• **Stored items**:
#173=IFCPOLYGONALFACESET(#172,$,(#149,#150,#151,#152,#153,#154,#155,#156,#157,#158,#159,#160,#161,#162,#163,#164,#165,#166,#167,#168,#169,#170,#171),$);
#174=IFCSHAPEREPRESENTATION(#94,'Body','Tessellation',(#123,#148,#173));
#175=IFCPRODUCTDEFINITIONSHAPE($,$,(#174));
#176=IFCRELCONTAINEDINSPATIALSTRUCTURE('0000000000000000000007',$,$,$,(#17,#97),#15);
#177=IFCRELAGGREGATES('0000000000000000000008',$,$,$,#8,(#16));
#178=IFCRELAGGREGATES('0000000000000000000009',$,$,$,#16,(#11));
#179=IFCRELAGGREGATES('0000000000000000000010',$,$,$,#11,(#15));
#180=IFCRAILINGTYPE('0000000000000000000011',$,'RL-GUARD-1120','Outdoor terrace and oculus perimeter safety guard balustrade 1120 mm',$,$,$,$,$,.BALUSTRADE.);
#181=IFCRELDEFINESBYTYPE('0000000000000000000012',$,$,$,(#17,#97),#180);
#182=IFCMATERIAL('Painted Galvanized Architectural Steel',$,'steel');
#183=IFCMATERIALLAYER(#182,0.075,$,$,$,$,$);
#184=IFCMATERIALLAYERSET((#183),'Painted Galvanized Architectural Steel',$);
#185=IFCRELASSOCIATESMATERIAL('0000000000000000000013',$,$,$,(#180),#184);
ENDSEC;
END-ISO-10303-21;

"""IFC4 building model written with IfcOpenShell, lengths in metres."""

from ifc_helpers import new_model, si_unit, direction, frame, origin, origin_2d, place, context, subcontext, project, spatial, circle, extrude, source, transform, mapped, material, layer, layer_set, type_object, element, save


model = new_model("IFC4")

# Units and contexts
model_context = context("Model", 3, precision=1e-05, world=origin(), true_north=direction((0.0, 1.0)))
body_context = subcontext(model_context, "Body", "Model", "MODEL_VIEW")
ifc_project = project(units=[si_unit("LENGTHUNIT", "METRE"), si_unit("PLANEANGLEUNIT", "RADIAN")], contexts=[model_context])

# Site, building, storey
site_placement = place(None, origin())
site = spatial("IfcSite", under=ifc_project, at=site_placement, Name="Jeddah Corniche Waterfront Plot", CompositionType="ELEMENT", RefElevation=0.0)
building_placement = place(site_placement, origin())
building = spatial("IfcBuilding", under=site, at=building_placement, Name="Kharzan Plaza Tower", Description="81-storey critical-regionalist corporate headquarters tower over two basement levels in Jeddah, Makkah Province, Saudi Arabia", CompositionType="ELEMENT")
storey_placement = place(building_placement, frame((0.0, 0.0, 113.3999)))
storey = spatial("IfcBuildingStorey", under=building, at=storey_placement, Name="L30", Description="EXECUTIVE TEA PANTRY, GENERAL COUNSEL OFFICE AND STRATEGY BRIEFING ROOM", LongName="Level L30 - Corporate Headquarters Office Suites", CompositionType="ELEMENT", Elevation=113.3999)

...

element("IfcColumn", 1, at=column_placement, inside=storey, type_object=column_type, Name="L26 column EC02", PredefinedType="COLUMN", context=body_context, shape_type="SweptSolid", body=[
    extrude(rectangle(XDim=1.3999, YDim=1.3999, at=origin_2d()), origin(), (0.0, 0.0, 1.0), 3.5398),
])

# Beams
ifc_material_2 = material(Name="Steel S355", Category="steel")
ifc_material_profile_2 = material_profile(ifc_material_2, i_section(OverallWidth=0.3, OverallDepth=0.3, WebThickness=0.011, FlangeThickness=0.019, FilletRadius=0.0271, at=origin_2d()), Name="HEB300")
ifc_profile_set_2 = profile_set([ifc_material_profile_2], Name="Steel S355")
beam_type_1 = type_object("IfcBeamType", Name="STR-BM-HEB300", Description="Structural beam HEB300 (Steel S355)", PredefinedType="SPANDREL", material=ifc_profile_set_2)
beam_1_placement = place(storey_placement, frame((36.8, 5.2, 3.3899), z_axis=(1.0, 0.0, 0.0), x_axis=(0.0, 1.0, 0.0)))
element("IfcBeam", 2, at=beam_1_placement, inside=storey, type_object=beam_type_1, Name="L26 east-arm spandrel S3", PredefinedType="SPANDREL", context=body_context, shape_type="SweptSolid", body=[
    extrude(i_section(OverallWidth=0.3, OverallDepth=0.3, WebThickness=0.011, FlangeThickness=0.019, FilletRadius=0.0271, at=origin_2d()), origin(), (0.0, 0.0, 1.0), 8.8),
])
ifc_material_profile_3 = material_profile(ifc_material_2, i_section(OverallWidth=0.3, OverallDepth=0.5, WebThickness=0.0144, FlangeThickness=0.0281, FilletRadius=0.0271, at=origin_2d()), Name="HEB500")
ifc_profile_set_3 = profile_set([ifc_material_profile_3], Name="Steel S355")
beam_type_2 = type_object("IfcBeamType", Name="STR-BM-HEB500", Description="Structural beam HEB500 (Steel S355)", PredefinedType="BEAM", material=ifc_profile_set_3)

==

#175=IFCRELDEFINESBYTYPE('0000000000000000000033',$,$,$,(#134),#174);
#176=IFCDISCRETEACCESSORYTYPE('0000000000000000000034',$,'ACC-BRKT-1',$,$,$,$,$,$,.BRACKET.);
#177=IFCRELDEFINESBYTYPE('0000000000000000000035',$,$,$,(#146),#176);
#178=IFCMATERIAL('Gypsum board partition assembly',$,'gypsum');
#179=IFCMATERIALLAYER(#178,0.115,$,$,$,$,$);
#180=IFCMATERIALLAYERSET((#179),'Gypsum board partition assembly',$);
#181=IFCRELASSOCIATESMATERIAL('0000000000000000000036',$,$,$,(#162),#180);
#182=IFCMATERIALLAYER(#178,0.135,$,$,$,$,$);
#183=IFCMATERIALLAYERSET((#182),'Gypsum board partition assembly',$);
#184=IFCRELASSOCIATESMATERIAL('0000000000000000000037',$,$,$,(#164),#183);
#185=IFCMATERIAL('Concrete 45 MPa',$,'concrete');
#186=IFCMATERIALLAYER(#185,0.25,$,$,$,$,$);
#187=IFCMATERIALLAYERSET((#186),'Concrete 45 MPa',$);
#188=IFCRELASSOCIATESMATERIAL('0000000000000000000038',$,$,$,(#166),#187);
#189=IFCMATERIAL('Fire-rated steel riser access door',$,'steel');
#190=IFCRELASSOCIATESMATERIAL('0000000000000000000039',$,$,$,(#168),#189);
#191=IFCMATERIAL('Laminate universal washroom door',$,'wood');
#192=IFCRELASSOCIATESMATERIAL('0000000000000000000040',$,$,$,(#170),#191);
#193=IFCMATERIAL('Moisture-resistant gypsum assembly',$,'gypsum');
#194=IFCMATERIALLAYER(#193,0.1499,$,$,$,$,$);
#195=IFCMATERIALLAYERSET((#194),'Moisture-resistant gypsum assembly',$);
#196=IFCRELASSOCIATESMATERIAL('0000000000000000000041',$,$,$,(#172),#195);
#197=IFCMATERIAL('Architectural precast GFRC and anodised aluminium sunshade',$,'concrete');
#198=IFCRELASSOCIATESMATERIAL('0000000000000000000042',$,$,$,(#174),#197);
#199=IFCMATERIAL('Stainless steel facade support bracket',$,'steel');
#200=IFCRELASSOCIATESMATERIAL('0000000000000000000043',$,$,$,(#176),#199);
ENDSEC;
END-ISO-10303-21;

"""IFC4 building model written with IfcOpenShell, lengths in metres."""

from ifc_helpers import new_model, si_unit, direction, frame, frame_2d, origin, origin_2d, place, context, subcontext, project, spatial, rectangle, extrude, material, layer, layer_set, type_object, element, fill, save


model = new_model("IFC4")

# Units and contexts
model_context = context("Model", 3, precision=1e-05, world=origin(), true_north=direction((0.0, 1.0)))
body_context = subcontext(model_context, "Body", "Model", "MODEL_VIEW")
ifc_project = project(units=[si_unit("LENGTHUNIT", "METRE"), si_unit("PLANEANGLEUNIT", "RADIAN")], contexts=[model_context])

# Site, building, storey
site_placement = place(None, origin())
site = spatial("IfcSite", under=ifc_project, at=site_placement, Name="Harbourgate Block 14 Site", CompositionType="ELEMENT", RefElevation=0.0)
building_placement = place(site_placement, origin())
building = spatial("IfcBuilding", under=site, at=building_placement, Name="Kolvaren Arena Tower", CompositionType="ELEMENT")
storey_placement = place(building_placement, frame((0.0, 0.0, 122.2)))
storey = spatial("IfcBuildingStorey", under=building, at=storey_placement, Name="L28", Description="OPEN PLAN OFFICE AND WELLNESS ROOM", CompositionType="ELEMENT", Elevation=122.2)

• **EXERCISE INSTRUCTIONS**: Those lines of the records that contain the string "Painted" should be identified and copied.

• **RESULT OF THIS EXERCISE**:
#182=IFCMATERIAL('Painted Galvanized Architectural Steel',$,'steel');
#184=IFCMATERIALLAYERSET((#183),'Painted Galvanized Architectural Steel',$);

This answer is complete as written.